■ DATA TO PROCESS:
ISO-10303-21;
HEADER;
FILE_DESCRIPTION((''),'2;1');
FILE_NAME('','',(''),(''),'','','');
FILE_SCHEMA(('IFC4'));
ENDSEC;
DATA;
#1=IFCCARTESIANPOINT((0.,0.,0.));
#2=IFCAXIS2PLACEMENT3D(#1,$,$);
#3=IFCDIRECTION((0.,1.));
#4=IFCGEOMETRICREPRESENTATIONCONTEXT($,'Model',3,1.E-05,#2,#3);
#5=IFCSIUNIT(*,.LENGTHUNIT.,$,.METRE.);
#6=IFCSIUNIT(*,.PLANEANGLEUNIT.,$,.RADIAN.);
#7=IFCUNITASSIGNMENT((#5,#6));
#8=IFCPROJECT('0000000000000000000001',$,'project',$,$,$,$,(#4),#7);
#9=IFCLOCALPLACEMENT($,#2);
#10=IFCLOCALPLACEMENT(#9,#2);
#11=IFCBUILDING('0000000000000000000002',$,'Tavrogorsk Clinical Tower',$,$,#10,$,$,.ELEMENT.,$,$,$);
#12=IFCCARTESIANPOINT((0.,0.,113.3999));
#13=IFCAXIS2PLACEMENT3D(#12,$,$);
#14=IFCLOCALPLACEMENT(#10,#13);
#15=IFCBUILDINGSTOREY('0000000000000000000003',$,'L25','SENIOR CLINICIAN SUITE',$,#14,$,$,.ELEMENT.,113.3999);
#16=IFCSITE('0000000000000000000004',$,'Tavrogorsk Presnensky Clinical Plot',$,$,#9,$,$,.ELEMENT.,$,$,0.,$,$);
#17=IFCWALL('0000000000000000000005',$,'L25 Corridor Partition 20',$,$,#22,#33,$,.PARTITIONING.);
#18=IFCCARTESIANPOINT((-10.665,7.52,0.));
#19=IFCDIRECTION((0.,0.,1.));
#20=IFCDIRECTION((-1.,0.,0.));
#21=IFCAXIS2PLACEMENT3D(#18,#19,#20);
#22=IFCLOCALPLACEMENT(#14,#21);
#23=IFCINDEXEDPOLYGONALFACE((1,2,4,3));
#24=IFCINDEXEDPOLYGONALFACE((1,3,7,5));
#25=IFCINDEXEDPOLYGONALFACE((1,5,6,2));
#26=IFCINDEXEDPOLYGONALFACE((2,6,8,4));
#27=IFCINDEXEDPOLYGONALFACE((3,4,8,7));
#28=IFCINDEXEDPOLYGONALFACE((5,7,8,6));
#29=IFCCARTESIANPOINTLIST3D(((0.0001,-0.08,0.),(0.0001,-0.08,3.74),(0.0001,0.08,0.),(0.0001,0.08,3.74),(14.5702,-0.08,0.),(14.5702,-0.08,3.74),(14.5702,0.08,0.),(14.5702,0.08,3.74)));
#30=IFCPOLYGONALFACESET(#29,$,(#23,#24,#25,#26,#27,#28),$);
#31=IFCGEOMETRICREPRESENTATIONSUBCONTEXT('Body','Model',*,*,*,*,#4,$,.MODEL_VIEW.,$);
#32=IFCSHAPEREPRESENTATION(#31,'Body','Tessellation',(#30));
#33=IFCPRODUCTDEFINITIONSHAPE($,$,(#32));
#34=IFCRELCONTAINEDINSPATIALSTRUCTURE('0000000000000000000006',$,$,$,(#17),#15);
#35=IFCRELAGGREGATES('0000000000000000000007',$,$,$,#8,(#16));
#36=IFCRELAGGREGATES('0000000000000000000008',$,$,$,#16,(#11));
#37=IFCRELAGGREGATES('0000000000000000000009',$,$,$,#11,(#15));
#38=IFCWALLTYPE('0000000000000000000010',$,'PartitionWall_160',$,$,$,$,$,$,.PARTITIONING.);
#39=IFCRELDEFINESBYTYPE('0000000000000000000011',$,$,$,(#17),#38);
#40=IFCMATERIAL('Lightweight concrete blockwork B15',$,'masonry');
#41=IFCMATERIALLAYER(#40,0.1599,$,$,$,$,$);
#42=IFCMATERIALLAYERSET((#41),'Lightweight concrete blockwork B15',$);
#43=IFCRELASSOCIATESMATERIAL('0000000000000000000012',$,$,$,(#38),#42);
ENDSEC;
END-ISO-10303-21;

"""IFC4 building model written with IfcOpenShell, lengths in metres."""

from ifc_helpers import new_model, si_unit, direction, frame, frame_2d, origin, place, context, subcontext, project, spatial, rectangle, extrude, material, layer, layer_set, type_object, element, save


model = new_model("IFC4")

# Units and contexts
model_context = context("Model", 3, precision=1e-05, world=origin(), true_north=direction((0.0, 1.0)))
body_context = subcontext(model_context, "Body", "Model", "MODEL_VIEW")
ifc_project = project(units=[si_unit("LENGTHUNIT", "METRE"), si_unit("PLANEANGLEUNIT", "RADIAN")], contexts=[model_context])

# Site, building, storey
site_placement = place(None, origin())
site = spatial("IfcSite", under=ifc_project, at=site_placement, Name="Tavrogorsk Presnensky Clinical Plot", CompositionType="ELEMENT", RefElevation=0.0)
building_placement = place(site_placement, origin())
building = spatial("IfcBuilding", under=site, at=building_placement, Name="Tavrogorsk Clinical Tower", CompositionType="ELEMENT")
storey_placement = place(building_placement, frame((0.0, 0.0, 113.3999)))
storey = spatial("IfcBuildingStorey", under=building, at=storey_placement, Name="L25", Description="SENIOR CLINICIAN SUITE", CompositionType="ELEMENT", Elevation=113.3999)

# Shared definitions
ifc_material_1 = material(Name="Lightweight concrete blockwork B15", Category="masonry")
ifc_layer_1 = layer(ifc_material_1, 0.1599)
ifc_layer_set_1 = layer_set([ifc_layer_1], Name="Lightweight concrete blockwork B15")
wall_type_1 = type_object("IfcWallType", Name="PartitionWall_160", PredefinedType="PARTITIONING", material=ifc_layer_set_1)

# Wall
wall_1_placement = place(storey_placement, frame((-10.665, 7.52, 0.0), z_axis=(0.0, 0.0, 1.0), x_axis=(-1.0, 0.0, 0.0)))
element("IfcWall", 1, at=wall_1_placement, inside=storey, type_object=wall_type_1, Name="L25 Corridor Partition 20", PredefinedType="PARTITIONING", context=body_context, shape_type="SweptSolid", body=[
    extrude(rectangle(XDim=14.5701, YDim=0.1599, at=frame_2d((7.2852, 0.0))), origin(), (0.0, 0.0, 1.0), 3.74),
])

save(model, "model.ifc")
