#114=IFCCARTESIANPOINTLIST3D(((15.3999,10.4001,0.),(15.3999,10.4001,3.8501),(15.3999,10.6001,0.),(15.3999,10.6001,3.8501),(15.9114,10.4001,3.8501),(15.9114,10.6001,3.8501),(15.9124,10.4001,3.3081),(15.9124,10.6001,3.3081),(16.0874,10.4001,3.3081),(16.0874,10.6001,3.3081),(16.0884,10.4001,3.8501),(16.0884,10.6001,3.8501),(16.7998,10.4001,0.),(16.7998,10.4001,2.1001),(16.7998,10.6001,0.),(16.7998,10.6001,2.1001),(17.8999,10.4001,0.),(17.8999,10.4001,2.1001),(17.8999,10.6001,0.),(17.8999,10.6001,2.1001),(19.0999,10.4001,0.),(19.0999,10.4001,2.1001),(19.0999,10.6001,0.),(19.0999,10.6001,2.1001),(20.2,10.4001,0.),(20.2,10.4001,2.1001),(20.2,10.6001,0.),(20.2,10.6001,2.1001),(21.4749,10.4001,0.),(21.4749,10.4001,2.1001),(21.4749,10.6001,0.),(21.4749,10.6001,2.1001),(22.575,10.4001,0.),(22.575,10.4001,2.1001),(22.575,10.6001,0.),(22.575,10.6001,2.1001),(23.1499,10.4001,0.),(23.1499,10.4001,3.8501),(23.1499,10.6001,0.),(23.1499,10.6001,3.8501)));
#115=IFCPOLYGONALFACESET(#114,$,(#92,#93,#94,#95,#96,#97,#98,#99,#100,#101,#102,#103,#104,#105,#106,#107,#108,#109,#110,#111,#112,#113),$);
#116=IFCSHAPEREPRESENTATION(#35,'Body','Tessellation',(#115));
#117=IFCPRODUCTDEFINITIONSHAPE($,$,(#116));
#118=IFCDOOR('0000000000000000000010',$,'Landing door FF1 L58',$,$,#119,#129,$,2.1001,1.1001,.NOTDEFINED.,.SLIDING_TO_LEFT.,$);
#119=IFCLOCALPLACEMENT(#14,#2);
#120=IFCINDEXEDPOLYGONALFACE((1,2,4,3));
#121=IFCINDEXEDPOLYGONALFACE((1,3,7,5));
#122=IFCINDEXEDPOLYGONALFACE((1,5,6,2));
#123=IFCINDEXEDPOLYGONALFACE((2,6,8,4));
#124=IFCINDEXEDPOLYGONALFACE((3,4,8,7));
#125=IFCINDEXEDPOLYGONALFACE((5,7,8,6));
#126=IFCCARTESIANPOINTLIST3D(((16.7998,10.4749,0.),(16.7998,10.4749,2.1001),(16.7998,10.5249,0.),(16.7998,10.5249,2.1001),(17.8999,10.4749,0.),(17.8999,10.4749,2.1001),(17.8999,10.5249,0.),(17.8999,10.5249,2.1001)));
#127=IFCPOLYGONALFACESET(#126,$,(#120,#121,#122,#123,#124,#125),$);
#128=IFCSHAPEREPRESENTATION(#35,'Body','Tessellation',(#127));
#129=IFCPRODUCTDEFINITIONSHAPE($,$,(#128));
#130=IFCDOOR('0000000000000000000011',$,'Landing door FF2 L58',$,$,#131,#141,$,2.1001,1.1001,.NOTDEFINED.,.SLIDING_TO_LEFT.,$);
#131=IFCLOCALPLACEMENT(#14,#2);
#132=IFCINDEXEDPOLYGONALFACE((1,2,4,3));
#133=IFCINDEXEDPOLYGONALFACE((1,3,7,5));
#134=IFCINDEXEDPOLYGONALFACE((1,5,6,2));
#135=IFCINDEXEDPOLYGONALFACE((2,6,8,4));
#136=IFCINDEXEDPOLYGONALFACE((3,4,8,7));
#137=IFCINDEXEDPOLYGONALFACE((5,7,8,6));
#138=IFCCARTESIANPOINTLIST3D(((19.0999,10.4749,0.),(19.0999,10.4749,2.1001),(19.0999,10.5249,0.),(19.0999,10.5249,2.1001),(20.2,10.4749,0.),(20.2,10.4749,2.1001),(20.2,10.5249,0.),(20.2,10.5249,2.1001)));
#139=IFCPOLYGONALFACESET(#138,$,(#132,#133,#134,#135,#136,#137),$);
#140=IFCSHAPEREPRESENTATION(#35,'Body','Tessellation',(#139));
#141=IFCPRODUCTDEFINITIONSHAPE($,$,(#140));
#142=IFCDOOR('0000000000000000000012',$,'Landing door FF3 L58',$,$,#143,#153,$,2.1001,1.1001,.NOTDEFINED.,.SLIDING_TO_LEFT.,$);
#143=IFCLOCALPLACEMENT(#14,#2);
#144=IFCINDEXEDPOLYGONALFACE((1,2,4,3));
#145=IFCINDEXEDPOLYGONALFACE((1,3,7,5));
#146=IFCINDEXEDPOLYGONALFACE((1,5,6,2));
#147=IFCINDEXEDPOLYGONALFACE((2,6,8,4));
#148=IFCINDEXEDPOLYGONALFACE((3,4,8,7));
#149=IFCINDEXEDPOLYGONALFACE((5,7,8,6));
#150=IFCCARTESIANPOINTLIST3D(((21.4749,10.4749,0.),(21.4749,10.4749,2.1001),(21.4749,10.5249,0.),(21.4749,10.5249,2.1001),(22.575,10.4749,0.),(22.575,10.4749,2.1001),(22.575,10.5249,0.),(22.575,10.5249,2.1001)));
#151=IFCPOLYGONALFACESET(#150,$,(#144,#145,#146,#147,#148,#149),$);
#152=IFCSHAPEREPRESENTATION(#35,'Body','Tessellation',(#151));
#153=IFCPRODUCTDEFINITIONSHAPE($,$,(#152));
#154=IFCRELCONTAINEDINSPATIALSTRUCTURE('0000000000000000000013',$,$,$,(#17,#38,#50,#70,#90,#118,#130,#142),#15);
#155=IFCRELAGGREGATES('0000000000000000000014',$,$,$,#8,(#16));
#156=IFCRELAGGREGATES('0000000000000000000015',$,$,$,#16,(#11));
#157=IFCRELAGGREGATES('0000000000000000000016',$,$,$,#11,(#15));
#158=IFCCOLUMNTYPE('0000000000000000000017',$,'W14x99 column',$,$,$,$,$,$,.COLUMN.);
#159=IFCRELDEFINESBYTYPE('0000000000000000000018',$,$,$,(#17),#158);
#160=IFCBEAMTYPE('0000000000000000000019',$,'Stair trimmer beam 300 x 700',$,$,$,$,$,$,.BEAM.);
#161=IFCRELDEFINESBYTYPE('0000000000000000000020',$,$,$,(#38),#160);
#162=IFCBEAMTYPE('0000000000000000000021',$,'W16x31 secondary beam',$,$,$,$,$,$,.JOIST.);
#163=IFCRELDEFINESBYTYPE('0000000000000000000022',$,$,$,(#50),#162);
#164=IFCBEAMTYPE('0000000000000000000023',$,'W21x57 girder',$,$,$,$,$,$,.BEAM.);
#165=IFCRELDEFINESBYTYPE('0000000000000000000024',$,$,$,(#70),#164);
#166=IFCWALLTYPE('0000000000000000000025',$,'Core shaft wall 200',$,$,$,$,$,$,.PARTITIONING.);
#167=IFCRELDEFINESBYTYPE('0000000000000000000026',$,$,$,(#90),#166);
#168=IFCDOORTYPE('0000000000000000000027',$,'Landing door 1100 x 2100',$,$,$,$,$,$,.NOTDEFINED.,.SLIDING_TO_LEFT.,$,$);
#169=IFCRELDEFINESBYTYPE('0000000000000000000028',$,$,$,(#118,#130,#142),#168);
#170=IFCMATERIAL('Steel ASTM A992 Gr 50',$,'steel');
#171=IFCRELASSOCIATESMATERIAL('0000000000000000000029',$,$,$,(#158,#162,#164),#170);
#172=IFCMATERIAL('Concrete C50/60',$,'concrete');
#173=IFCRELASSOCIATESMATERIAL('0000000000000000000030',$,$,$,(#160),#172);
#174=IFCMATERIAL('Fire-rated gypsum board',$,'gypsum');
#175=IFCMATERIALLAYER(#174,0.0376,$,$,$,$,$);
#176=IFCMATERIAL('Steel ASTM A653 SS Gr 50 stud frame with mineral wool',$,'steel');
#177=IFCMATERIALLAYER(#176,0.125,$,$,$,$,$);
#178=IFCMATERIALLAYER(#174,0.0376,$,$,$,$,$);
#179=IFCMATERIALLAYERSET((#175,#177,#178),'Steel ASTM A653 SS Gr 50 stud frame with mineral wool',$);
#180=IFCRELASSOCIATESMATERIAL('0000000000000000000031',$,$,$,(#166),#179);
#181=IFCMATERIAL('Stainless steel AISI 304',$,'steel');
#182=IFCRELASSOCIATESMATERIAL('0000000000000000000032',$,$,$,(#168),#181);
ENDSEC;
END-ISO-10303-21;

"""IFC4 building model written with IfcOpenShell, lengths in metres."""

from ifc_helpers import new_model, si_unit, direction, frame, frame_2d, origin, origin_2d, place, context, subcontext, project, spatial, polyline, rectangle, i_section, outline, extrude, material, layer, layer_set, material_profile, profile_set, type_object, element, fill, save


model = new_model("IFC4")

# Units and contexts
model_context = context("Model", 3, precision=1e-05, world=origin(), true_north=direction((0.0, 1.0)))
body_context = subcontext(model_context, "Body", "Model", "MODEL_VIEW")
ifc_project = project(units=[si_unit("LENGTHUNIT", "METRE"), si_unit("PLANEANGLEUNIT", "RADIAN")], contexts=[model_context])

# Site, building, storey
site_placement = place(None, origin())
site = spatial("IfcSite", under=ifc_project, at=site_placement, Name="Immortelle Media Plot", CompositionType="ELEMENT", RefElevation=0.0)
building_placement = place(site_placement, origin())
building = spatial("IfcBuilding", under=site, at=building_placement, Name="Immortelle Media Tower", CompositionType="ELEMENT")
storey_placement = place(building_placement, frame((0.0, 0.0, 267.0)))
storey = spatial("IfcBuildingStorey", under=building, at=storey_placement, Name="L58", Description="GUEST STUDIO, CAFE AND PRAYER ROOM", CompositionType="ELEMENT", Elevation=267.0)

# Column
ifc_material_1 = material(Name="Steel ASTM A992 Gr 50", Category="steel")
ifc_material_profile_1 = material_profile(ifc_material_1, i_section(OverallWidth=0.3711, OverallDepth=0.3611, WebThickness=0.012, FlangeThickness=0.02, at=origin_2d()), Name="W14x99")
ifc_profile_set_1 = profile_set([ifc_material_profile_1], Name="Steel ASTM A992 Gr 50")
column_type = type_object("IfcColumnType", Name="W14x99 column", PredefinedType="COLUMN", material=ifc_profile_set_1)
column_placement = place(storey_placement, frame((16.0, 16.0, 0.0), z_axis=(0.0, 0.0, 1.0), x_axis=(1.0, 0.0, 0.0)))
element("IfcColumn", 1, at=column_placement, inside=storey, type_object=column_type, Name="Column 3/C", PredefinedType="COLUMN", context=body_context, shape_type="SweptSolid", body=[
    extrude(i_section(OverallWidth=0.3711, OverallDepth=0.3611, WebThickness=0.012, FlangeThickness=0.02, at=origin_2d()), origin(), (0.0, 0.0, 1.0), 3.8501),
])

■ ABOUT THIS TASK: In the data above, repeat exactly each line from the first through the line that contains "#5=IFCSIUNIT(*,.LENGTHUNIT.,$,.METRE.);", and give nothing else.

■ WRITTEN ANSWER:
ISO-10303-21;
HEADER;
FILE_DESCRIPTION((''),'2;1');
FILE_NAME('','',(''),(''),'','','');
FILE_SCHEMA(('IFC4'));
ENDSEC;
DATA;
#1=IFCCARTESIANPOINT((0.,0.,0.));
#2=IFCAXIS2PLACEMENT3D(#1,$,$);
#3=IFCDIRECTION((0.,1.));
#4=IFCGEOMETRICREPRESENTATIONCONTEXT($,'Model',3,1.E-05,#2,#3);
#5=IFCSIUNIT(*,.LENGTHUNIT.,$,.METRE.);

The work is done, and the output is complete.